(INPUT RECORDS)
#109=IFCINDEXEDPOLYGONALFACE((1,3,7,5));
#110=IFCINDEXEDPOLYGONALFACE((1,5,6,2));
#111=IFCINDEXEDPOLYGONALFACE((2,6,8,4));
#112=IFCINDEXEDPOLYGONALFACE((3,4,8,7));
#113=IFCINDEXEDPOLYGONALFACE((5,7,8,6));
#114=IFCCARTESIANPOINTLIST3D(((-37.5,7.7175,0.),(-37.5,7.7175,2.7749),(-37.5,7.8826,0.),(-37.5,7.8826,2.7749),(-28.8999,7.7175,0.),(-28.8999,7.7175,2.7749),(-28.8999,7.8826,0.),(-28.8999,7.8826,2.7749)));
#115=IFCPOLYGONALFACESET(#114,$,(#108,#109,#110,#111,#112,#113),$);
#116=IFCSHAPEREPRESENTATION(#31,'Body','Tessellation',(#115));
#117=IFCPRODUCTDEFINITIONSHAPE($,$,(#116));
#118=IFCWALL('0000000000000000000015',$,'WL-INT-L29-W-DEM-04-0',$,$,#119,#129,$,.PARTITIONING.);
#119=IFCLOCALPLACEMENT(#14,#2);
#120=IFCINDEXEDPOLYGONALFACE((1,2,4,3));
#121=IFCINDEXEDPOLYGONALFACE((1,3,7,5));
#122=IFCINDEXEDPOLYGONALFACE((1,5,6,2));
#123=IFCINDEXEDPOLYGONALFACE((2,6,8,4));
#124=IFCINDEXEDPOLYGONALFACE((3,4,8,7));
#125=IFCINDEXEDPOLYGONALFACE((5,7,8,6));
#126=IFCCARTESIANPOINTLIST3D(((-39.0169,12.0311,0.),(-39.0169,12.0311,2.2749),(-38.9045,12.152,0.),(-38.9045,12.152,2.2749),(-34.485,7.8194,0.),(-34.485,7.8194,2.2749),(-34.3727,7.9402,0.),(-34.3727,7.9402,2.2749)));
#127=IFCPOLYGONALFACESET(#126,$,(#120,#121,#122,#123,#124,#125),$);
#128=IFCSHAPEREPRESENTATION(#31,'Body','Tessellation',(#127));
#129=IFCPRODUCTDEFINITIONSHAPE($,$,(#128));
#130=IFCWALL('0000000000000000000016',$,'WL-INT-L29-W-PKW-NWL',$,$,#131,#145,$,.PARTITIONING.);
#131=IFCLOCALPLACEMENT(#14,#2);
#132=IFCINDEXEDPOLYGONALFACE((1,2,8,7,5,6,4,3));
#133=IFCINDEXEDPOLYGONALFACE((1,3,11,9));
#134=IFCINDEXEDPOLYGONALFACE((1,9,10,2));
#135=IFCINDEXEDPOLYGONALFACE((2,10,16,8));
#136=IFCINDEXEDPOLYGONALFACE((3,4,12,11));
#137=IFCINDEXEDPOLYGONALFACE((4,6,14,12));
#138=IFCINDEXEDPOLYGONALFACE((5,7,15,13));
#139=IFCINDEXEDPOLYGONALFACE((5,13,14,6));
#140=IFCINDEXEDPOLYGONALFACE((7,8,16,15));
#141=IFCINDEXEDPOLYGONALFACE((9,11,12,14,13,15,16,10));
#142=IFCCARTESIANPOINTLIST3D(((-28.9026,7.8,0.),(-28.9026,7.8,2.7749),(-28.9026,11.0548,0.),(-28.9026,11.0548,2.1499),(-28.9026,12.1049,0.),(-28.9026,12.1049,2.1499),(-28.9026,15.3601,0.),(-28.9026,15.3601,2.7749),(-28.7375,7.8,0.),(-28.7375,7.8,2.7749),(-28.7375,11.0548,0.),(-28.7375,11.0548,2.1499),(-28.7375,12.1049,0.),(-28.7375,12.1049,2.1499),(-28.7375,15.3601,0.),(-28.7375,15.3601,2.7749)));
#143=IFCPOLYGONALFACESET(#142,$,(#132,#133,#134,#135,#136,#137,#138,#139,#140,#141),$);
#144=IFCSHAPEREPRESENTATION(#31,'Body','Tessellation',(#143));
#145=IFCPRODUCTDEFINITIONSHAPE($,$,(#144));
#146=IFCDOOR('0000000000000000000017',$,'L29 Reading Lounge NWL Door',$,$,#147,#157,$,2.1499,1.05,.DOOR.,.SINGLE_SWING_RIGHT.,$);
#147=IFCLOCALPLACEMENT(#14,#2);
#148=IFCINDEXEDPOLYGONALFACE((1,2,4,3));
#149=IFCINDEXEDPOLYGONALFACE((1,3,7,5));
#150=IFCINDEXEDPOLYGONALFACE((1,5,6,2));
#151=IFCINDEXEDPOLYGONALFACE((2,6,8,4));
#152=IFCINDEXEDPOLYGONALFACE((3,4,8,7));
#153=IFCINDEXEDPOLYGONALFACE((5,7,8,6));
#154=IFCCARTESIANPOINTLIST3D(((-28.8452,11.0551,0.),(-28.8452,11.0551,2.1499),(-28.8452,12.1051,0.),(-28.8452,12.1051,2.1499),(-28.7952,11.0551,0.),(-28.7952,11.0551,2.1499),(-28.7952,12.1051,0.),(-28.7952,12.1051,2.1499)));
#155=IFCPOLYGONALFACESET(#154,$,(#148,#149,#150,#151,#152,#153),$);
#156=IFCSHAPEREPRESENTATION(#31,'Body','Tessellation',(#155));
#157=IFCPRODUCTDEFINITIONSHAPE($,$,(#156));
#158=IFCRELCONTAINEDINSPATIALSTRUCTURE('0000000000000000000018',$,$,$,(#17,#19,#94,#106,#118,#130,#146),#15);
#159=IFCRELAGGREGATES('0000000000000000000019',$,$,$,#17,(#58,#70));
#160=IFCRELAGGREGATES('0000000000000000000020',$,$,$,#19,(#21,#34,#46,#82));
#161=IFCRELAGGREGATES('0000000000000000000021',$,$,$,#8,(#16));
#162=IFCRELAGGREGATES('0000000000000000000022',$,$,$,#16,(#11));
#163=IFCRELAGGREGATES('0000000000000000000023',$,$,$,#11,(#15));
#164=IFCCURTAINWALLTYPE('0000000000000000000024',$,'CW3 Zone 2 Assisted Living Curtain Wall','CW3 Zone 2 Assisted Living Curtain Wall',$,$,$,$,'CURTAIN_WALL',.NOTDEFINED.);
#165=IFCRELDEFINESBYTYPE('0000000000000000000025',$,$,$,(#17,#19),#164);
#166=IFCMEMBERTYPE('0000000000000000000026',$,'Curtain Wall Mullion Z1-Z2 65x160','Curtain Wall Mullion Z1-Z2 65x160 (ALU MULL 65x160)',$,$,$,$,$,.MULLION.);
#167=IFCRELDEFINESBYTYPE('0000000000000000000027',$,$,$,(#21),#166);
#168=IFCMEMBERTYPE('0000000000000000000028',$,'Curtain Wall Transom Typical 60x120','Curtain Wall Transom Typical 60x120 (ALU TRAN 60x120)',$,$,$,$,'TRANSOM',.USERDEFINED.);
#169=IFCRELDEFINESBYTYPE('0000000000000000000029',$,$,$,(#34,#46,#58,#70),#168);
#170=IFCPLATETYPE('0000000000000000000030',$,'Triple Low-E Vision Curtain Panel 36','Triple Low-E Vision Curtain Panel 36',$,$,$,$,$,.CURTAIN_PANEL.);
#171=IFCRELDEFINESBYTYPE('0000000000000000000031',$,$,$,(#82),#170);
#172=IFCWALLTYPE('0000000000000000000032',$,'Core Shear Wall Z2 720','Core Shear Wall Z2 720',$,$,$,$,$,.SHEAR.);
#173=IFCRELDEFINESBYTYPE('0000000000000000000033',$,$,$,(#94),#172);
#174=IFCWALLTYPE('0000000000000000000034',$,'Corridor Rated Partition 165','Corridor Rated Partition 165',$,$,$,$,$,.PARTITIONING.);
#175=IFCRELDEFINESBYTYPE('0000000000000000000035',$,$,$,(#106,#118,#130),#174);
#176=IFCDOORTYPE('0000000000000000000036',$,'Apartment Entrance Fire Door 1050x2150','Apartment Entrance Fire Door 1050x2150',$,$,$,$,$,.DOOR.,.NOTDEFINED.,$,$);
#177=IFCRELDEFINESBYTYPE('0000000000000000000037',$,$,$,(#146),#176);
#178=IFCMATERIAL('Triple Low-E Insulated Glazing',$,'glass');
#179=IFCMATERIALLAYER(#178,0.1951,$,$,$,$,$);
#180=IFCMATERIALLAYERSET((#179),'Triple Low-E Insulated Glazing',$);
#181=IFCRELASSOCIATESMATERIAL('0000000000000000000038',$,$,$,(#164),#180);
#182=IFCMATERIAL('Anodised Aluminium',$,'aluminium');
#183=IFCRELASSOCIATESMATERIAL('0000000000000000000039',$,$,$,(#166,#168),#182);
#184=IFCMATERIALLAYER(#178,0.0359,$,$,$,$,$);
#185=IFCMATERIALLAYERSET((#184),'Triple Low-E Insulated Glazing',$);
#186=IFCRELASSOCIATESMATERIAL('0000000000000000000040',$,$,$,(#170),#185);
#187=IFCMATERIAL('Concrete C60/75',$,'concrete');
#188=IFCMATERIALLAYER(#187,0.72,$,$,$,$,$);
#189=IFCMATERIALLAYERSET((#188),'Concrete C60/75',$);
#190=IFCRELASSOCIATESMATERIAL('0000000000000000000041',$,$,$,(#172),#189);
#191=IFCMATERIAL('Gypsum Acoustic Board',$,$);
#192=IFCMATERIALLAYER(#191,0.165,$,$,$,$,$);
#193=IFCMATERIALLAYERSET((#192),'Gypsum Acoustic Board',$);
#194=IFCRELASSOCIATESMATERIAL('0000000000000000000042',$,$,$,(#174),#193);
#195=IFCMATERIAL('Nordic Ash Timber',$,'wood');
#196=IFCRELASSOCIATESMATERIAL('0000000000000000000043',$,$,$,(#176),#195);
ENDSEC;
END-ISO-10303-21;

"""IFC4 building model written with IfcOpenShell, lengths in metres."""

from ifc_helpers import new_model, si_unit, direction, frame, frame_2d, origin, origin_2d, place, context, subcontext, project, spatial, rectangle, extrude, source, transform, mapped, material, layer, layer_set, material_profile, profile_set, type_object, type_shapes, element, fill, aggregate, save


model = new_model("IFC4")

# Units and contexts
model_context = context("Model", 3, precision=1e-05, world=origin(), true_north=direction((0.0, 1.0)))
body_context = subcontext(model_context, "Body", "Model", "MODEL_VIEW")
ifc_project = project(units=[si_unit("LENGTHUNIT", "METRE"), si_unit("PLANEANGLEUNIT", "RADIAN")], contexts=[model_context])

(ABOUT THIS EXERCISE)
Begin with the first line of the data above and, please, print each line exactly until you have printed the line containing "#133=IFCINDEXEDPOLYGONALFACE((1,3,11,9));"; print nothing else.

(TASK OUTPUT)
#109=IFCINDEXEDPOLYGONALFACE((1,3,7,5));
#110=IFCINDEXEDPOLYGONALFACE((1,5,6,2));
#111=IFCINDEXEDPOLYGONALFACE((2,6,8,4));
#112=IFCINDEXEDPOLYGONALFACE((3,4,8,7));
#113=IFCINDEXEDPOLYGONALFACE((5,7,8,6));
#114=IFCCARTESIANPOINTLIST3D(((-37.5,7.7175,0.),(-37.5,7.7175,2.7749),(-37.5,7.8826,0.),(-37.5,7.8826,2.7749),(-28.8999,7.7175,0.),(-28.8999,7.7175,2.7749),(-28.8999,7.8826,0.),(-28.8999,7.8826,2.7749)));
#115=IFCPOLYGONALFACESET(#114,$,(#108,#109,#110,#111,#112,#113),$);
#116=IFCSHAPEREPRESENTATION(#31,'Body','Tessellation',(#115));
#117=IFCPRODUCTDEFINITIONSHAPE($,$,(#116));
#118=IFCWALL('0000000000000000000015',$,'WL-INT-L29-W-DEM-04-0',$,$,#119,#129,$,.PARTITIONING.);
#119=IFCLOCALPLACEMENT(#14,#2);
#120=IFCINDEXEDPOLYGONALFACE((1,2,4,3));
#121=IFCINDEXEDPOLYGONALFACE((1,3,7,5));
#122=IFCINDEXEDPOLYGONALFACE((1,5,6,2));
#123=IFCINDEXEDPOLYGONALFACE((2,6,8,4));
#124=IFCINDEXEDPOLYGONALFACE((3,4,8,7));
#125=IFCINDEXEDPOLYGONALFACE((5,7,8,6));
#126=IFCCARTESIANPOINTLIST3D(((-39.0169,12.0311,0.),(-39.0169,12.0311,2.2749),(-38.9045,12.152,0.),(-38.9045,12.152,2.2749),(-34.485,7.8194,0.),(-34.485,7.8194,2.2749),(-34.3727,7.9402,0.),(-34.3727,7.9402,2.2749)));
#127=IFCPOLYGONALFACESET(#126,$,(#120,#121,#122,#123,#124,#125),$);
#128=IFCSHAPEREPRESENTATION(#31,'Body','Tessellation',(#127));
#129=IFCPRODUCTDEFINITIONSHAPE($,$,(#128));
#130=IFCWALL('0000000000000000000016',$,'WL-INT-L29-W-PKW-NWL',$,$,#131,#145,$,.PARTITIONING.);
#131=IFCLOCALPLACEMENT(#14,#2);
#132=IFCINDEXEDPOLYGONALFACE((1,2,8,7,5,6,4,3));
#133=IFCINDEXEDPOLYGONALFACE((1,3,11,9));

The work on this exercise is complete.